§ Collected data
-- Opening Marker --

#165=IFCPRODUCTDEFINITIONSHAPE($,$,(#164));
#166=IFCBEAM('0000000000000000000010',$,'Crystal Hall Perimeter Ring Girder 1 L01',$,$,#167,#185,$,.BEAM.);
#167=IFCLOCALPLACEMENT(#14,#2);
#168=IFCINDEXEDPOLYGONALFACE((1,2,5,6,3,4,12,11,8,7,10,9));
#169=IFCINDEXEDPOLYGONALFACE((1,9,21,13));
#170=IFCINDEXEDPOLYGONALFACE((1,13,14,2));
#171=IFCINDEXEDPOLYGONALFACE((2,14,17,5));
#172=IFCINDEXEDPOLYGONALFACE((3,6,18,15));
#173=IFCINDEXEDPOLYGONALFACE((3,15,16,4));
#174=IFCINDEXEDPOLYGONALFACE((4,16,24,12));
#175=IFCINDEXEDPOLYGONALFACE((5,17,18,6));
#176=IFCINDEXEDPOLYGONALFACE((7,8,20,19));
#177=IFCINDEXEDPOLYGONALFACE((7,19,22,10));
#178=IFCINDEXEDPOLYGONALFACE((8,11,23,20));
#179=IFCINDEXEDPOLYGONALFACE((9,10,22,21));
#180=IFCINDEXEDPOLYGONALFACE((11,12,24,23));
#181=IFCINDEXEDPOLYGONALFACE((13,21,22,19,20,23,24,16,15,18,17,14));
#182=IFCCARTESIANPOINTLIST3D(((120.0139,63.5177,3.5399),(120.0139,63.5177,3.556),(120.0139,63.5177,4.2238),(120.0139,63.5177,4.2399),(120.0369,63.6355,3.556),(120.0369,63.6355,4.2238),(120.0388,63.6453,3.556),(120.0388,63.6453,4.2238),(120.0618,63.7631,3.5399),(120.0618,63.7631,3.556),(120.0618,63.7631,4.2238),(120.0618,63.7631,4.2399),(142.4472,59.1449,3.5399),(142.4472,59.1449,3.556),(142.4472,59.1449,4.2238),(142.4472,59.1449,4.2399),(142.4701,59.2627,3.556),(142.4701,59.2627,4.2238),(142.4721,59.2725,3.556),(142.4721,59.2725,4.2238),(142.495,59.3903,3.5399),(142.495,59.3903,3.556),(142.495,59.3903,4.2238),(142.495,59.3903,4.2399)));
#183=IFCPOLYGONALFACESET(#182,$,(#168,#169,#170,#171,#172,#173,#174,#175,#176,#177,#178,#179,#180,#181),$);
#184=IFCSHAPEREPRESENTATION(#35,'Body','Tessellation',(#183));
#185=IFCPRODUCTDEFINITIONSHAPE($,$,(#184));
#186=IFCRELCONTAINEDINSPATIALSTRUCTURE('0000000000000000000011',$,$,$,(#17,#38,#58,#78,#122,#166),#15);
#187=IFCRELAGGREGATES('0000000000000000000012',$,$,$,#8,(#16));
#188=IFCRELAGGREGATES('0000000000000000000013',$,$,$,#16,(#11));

-- Closing Marker --
-- Opening Marker --

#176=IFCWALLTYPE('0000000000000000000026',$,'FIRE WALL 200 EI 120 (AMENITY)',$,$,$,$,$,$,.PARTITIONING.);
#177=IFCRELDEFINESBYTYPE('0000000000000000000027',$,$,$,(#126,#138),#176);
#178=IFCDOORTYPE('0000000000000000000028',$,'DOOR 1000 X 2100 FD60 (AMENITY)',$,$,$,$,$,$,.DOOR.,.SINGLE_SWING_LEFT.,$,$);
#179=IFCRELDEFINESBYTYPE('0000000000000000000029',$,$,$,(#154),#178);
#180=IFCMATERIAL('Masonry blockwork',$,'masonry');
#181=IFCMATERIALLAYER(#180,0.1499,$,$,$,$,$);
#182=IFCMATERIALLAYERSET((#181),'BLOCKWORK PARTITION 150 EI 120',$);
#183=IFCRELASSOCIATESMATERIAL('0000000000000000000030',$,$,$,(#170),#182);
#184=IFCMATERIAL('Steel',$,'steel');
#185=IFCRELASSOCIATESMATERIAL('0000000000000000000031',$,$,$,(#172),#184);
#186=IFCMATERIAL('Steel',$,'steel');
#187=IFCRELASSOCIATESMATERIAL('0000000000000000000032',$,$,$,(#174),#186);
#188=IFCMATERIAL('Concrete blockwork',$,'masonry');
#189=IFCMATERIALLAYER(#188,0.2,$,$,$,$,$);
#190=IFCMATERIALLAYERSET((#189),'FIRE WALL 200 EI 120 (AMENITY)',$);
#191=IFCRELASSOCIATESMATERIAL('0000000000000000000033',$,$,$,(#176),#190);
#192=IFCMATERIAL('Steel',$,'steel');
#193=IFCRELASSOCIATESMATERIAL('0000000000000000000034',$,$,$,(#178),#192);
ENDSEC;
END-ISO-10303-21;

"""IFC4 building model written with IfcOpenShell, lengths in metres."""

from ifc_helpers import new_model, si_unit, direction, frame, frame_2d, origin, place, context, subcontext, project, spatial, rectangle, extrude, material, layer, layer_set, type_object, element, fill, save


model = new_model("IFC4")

-- Closing Marker --
-- Opening Marker --

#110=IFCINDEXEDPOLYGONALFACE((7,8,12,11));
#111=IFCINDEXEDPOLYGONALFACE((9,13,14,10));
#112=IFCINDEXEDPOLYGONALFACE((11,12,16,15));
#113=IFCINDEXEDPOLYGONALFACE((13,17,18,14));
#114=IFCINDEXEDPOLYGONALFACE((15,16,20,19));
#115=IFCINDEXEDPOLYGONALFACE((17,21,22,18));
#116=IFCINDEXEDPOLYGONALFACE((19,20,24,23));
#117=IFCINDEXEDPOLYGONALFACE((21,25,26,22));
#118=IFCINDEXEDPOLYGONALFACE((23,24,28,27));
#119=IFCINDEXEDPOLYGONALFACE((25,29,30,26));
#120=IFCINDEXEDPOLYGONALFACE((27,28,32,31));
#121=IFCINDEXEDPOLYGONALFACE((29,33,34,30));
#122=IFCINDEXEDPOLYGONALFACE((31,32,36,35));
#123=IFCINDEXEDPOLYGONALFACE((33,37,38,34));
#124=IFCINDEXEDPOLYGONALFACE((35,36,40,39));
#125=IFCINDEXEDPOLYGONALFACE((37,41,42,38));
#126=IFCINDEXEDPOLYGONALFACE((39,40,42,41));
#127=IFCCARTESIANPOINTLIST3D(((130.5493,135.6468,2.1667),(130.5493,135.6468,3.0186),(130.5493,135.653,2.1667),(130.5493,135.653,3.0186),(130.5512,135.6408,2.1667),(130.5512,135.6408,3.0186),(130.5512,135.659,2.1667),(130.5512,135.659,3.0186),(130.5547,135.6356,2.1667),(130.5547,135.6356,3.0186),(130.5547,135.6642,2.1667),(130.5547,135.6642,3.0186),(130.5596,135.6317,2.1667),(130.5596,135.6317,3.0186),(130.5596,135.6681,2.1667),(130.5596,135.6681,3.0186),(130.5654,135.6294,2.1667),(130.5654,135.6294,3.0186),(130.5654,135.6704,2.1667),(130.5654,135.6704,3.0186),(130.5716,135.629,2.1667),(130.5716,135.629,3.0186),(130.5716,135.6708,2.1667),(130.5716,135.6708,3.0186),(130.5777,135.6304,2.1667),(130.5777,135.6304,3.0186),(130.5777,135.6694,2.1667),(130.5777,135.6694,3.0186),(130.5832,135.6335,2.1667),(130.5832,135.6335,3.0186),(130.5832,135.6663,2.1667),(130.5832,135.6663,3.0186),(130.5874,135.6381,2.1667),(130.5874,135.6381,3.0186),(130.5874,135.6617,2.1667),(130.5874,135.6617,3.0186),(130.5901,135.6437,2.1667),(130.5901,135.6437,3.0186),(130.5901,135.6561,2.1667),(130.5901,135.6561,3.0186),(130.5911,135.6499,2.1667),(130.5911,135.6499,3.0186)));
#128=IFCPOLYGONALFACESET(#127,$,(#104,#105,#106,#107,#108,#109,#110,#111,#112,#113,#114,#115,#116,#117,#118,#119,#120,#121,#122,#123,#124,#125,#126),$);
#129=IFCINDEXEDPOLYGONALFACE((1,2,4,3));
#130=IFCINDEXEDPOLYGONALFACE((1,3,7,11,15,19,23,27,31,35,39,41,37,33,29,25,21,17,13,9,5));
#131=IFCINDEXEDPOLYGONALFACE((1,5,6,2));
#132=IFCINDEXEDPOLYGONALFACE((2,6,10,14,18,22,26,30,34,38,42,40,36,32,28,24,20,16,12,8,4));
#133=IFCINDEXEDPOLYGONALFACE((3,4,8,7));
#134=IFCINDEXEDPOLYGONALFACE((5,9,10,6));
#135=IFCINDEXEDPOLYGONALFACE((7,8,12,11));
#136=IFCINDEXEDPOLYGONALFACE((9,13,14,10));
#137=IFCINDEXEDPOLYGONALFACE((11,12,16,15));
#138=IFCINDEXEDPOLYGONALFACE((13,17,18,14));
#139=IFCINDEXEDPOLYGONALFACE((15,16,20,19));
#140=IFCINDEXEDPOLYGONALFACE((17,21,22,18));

-- Closing Marker --

§ Work item
Write out, from the lines above, only those from the line with "#111=IFCINDEXEDPOLYGONALFACE((9,13,14,10));" to the line with "#126=IFCINDEXEDPOLYGONALFACE((39,40,42,41));", exactly as given, including the first and the last.

§ Output for this exercise
#111=IFCINDEXEDPOLYGONALFACE((9,13,14,10));
#112=IFCINDEXEDPOLYGONALFACE((11,12,16,15));
#113=IFCINDEXEDPOLYGONALFACE((13,17,18,14));
#114=IFCINDEXEDPOLYGONALFACE((15,16,20,19));
#115=IFCINDEXEDPOLYGONALFACE((17,21,22,18));
#116=IFCINDEXEDPOLYGONALFACE((19,20,24,23));
#117=IFCINDEXEDPOLYGONALFACE((21,25,26,22));
#118=IFCINDEXEDPOLYGONALFACE((23,24,28,27));
#119=IFCINDEXEDPOLYGONALFACE((25,29,30,26));
#120=IFCINDEXEDPOLYGONALFACE((27,28,32,31));
#121=IFCINDEXEDPOLYGONALFACE((29,33,34,30));
#122=IFCINDEXEDPOLYGONALFACE((31,32,36,35));
#123=IFCINDEXEDPOLYGONALFACE((33,37,38,34));
#124=IFCINDEXEDPOLYGONALFACE((35,36,40,39));
#125=IFCINDEXEDPOLYGONALFACE((37,41,42,38));
#126=IFCINDEXEDPOLYGONALFACE((39,40,42,41));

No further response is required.